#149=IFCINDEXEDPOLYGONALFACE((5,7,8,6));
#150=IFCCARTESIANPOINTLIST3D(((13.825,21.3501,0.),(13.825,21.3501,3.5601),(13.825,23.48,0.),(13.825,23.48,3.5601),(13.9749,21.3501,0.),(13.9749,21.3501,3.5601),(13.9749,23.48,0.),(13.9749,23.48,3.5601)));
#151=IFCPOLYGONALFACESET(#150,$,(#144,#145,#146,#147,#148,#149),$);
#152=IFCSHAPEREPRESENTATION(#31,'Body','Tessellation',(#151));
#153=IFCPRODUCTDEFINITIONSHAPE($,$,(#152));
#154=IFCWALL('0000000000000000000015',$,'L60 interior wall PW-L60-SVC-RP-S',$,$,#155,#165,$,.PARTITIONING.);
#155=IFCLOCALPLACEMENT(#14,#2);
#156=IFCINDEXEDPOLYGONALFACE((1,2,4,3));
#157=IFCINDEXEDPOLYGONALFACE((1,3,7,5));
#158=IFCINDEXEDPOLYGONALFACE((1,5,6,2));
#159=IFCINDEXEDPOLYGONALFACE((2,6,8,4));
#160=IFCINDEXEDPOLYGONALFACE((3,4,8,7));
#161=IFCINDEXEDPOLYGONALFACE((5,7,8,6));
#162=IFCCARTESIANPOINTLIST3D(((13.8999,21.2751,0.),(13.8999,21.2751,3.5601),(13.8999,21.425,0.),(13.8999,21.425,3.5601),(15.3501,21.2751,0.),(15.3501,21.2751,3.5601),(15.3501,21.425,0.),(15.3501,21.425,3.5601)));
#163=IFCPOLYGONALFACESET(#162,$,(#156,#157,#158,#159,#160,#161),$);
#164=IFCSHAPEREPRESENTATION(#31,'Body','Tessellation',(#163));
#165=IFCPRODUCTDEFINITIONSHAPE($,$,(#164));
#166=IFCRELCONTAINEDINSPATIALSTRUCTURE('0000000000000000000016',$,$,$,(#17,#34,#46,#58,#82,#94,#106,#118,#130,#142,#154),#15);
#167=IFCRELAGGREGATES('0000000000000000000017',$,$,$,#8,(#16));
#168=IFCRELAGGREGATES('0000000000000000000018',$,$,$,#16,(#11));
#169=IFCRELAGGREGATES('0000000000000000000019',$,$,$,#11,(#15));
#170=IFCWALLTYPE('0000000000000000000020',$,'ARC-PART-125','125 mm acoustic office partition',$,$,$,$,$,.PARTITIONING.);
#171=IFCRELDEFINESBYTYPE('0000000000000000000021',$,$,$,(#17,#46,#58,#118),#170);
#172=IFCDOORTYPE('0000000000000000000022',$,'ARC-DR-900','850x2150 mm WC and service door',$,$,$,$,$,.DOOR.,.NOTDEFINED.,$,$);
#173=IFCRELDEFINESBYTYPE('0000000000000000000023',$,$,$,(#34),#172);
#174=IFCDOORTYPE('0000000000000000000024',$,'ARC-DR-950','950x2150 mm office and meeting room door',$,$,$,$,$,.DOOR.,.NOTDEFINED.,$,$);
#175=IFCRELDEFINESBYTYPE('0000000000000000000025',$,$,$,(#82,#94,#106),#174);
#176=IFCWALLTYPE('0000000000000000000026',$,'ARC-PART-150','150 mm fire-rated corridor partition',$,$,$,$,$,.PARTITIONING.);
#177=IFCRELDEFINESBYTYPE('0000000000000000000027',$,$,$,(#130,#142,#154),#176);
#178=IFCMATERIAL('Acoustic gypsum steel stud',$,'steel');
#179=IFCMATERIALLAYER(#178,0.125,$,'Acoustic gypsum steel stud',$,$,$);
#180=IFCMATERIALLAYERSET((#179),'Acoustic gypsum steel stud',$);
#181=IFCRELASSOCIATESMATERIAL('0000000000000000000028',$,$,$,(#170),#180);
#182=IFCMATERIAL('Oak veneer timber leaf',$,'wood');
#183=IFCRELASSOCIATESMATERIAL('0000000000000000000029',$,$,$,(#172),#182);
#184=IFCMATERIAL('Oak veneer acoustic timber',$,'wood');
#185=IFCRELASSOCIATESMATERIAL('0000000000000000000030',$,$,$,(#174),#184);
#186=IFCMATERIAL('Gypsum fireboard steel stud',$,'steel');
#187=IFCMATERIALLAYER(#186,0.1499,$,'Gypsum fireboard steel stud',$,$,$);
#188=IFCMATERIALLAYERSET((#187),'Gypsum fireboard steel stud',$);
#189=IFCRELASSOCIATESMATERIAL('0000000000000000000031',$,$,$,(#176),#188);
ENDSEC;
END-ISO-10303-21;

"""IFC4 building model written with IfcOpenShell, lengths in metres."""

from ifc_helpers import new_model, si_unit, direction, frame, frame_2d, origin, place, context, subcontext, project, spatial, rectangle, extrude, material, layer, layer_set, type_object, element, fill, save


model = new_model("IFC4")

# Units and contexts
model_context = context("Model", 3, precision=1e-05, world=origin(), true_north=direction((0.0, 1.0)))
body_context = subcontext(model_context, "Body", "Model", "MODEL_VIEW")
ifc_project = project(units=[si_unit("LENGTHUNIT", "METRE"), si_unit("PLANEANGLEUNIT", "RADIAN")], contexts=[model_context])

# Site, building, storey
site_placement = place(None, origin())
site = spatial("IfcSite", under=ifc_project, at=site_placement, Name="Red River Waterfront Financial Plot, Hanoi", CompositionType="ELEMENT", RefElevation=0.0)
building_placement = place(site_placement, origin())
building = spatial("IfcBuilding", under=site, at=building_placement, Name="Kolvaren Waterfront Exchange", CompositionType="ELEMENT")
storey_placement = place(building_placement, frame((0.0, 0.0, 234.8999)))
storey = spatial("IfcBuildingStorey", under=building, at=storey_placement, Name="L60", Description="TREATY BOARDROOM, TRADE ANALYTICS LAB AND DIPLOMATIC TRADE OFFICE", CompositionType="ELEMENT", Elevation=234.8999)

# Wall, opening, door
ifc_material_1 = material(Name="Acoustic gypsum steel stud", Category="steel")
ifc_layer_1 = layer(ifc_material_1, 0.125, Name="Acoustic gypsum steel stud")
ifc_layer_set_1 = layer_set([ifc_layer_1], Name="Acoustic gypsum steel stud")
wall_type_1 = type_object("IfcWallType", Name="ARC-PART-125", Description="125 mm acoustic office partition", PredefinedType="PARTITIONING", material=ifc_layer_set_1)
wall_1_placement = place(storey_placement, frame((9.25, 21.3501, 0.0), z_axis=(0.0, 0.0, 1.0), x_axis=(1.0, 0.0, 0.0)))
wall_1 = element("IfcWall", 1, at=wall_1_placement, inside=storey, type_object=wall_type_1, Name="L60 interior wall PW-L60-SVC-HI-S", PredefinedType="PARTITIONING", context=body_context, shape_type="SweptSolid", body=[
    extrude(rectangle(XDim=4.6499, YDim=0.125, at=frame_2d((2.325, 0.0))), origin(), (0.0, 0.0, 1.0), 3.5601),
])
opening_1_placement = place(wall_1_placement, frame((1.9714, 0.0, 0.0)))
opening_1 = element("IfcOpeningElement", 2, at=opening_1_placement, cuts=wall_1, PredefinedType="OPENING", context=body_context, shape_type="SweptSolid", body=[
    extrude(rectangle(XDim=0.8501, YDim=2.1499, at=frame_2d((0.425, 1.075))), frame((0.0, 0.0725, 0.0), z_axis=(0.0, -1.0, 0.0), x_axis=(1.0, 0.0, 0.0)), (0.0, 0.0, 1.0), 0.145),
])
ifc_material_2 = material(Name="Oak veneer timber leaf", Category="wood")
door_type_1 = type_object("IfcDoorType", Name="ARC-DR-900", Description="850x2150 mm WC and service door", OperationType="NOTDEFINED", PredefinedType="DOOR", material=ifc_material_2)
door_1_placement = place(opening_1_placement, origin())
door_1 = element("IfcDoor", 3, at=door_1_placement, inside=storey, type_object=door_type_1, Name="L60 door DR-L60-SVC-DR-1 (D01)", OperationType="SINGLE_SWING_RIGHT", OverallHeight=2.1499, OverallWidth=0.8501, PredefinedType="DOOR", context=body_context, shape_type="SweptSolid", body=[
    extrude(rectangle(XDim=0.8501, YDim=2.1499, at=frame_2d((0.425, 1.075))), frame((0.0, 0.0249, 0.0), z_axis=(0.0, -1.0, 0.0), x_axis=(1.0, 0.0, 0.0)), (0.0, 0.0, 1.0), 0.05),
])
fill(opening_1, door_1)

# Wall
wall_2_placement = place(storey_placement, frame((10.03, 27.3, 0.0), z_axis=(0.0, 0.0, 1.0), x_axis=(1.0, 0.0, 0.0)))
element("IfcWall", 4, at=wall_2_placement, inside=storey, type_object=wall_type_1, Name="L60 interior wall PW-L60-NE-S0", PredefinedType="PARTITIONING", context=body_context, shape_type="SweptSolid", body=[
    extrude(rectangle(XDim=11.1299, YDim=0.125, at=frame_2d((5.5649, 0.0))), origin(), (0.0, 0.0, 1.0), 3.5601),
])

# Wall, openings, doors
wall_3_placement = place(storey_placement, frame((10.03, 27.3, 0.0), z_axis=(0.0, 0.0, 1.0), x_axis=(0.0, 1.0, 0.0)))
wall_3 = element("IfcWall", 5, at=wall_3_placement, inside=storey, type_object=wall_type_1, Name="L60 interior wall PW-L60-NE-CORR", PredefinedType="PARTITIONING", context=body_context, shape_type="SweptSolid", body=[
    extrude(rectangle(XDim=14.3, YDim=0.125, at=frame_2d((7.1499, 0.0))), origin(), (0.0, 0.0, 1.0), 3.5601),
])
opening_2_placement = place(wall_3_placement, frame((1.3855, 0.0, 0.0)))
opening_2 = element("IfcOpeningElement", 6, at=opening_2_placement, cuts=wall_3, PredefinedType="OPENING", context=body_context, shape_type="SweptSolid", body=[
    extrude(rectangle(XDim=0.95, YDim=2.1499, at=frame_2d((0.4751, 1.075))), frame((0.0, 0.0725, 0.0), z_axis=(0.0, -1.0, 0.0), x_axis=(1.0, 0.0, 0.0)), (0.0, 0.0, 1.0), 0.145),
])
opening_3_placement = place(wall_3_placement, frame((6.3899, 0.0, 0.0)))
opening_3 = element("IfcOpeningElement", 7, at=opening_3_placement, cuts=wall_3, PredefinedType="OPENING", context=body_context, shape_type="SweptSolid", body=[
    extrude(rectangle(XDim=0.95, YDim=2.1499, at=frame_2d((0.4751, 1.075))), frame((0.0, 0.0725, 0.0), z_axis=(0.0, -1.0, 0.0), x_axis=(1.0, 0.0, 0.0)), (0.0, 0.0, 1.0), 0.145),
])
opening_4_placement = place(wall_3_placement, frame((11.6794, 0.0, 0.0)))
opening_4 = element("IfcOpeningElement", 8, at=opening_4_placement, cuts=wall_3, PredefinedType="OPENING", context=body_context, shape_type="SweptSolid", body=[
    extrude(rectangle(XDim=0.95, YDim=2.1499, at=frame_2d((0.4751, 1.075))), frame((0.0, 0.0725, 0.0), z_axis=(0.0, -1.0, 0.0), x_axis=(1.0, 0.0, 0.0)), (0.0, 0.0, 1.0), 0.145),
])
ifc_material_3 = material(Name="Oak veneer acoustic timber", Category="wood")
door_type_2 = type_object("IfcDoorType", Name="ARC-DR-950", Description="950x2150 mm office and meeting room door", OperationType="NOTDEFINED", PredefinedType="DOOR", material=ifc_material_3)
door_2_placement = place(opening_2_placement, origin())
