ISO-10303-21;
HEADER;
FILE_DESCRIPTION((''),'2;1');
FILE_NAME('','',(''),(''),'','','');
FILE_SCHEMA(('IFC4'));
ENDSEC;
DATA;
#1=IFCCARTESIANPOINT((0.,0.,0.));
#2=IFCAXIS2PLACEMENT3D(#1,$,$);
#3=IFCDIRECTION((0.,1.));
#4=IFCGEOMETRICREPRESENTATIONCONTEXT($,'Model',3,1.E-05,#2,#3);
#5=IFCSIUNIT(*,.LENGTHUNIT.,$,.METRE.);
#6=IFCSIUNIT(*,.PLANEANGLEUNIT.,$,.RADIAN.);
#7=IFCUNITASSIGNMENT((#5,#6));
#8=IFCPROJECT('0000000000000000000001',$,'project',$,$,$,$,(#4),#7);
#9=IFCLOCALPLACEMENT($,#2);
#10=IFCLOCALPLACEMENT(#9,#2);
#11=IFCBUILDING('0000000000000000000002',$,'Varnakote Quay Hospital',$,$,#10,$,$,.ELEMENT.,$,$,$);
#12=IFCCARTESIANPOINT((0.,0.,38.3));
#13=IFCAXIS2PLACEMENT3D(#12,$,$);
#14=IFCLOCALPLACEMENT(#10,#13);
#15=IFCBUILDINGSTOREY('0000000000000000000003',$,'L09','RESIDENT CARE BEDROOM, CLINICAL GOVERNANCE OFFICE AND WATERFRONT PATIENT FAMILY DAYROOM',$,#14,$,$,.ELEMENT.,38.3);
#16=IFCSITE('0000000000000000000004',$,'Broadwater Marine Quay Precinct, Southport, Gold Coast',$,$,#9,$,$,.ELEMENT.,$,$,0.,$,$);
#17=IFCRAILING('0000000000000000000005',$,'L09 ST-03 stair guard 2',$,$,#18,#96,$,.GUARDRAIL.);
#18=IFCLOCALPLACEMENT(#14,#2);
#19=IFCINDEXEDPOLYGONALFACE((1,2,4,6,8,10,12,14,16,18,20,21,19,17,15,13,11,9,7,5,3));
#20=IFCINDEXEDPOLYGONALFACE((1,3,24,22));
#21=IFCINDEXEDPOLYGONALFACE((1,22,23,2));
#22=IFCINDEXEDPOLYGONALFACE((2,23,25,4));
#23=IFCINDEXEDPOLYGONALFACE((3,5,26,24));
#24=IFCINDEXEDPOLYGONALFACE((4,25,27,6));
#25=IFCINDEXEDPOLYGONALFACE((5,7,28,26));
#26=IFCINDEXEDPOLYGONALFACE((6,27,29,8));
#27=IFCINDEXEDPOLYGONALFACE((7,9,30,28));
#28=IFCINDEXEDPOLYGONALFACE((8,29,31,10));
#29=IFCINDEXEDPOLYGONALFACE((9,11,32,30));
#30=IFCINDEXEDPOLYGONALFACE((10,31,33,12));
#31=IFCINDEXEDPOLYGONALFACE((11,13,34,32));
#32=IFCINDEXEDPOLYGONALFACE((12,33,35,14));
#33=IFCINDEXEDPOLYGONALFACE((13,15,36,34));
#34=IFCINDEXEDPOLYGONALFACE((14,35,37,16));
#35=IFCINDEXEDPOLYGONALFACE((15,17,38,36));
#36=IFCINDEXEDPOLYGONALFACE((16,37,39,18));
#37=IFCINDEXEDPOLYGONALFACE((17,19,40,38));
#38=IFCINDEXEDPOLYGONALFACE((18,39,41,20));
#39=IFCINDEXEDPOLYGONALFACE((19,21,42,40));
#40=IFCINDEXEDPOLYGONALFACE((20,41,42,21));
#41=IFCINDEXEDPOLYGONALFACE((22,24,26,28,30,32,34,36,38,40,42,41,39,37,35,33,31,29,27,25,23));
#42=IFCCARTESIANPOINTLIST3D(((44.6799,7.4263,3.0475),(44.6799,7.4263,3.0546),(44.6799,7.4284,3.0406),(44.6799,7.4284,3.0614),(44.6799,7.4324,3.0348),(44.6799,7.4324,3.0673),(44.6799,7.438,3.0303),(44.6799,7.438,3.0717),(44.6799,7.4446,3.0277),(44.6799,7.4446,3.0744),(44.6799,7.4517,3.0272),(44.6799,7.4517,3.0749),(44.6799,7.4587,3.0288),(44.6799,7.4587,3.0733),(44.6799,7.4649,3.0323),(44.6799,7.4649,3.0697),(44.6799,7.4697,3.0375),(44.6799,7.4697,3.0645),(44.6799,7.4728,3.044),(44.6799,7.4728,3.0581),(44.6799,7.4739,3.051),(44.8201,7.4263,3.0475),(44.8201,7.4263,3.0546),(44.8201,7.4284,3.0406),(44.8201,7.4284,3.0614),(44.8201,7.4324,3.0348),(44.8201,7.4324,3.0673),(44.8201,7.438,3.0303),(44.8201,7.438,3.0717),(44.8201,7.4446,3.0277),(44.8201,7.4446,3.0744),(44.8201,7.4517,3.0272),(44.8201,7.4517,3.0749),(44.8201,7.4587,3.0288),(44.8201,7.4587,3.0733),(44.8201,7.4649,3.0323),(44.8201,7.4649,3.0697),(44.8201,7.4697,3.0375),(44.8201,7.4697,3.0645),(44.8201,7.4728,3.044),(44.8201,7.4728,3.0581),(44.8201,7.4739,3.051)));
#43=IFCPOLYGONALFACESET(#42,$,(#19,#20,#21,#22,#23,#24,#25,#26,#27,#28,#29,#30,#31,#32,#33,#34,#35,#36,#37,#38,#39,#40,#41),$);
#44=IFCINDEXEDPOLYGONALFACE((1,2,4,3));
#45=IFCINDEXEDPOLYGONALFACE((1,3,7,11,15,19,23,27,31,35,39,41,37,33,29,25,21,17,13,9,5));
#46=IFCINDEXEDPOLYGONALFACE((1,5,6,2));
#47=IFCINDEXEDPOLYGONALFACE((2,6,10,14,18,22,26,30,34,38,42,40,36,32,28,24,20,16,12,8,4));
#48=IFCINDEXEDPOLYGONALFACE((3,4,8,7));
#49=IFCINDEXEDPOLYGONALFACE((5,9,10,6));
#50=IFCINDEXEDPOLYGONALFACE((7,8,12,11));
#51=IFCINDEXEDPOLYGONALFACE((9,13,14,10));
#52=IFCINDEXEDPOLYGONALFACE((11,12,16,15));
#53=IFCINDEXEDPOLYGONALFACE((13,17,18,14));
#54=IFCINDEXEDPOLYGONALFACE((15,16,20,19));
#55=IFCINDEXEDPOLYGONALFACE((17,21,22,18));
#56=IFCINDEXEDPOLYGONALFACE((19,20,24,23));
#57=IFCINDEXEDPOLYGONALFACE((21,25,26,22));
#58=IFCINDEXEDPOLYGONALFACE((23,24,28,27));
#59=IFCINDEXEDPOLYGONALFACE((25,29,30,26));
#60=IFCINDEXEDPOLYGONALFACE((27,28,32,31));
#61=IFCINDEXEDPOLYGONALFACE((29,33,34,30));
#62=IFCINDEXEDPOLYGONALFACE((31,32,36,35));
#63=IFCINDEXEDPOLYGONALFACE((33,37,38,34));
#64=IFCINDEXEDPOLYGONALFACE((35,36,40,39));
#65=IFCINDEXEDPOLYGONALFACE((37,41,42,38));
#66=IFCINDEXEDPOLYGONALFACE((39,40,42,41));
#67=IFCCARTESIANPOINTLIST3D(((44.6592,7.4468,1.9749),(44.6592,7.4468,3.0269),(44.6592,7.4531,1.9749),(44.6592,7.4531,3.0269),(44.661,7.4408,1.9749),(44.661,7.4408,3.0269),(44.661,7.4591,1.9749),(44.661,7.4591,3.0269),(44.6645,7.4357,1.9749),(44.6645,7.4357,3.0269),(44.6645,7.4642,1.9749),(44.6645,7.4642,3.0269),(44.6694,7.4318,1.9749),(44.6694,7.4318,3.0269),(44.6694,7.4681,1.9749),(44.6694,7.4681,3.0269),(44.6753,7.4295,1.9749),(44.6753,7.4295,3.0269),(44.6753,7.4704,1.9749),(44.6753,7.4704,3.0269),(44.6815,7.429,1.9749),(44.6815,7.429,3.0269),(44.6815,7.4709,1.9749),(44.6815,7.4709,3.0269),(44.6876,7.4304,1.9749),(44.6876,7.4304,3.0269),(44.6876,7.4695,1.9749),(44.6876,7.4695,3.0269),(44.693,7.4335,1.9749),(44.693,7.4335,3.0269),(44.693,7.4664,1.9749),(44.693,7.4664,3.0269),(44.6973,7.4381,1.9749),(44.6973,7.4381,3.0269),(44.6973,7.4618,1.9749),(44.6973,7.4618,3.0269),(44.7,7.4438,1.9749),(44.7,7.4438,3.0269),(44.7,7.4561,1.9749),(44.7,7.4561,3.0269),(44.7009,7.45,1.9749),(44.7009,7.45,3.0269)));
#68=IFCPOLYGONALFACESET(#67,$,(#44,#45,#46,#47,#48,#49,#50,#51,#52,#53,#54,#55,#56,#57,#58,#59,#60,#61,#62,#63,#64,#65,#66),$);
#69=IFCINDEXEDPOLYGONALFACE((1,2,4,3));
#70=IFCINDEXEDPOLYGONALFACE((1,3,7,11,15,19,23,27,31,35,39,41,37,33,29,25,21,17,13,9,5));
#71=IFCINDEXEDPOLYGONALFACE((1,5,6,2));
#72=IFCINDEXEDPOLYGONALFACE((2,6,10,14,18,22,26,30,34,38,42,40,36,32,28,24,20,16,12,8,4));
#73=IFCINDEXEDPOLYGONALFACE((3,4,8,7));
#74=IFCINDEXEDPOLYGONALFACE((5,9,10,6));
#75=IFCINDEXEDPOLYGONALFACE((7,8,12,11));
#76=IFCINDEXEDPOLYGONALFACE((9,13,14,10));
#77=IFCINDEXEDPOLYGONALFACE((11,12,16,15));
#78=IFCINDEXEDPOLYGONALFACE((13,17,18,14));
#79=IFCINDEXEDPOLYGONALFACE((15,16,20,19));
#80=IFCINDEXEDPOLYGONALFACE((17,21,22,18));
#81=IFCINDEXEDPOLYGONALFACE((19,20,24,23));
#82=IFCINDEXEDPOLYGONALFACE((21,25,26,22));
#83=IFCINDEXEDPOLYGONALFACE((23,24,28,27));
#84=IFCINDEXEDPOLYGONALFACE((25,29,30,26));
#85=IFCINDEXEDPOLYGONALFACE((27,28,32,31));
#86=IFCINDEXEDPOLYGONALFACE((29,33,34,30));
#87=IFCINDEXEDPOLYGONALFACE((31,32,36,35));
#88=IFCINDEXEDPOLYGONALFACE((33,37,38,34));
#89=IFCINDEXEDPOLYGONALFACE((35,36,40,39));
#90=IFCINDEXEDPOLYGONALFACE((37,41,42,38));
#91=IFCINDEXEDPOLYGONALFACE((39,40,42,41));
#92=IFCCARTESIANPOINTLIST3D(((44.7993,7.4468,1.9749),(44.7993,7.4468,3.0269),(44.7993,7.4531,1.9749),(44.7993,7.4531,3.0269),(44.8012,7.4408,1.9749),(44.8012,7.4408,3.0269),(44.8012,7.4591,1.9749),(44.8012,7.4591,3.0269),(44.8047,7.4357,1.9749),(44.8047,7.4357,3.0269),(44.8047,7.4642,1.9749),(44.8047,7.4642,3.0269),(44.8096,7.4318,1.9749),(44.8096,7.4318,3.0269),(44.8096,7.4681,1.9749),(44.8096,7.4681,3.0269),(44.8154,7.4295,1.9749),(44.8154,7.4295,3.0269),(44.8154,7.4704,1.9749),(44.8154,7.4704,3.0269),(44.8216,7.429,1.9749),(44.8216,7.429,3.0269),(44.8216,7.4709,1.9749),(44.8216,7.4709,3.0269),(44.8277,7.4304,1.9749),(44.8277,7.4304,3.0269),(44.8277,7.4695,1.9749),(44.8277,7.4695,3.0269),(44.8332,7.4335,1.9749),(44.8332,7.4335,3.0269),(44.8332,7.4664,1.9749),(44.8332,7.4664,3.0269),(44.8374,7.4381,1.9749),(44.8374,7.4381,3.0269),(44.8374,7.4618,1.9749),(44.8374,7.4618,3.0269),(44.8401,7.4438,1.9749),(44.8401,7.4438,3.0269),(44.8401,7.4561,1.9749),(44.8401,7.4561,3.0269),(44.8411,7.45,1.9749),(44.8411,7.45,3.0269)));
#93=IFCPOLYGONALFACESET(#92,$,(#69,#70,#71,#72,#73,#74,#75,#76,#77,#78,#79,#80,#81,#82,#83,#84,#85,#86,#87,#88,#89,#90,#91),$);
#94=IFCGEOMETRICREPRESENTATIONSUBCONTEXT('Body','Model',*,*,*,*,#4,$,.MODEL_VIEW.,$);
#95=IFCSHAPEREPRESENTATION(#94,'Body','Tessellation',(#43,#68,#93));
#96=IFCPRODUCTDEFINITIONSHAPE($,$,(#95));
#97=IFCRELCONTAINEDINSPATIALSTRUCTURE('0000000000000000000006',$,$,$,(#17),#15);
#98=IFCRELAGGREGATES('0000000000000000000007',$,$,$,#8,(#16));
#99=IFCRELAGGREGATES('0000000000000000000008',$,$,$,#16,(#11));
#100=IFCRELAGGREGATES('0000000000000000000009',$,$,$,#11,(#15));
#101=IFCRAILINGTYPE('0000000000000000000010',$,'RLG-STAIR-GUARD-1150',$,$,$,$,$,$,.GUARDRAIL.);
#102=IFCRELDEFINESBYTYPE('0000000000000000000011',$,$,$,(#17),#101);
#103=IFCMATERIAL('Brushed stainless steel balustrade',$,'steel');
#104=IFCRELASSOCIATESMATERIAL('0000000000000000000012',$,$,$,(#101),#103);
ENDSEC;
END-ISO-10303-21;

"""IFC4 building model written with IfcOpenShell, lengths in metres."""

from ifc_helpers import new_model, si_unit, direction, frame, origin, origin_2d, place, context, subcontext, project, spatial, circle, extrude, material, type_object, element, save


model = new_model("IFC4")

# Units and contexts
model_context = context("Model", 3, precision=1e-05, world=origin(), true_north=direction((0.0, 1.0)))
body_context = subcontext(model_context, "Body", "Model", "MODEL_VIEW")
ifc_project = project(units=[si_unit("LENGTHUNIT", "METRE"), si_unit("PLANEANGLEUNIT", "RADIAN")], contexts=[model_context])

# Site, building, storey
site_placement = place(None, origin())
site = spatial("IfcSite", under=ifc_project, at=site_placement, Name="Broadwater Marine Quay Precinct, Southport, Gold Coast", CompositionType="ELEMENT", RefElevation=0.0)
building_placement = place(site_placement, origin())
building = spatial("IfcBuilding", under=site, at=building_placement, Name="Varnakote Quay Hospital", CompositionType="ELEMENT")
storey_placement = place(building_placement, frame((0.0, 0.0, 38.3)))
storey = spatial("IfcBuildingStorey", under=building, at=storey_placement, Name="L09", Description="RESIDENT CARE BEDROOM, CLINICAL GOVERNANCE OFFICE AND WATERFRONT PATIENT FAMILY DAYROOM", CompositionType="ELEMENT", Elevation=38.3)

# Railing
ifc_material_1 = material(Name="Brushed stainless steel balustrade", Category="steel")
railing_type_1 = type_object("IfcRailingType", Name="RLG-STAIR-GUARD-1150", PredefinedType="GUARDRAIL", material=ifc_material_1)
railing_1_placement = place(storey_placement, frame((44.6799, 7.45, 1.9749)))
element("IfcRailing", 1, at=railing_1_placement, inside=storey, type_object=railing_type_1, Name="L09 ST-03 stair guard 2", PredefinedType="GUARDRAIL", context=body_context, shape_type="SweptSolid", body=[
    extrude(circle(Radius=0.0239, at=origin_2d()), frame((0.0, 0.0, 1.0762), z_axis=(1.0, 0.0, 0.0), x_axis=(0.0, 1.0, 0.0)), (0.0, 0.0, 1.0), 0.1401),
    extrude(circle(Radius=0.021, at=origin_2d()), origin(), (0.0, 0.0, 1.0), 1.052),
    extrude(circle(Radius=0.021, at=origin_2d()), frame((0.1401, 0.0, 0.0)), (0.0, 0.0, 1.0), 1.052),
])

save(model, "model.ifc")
____
PROBLEM STATEMENT: Please copy out each line of the material that holds the string "IFCLOCALPLACEMENT".

EXERCISE RESULT:
#155=IFCLOCALPLACEMENT(#14,#2);
#9=IFCLOCALPLACEMENT($,#2);
#10=IFCLOCALPLACEMENT(#9,#2);
#14=IFCLOCALPLACEMENT(#10,#13);
#18=IFCLOCALPLACEMENT(#14,#2);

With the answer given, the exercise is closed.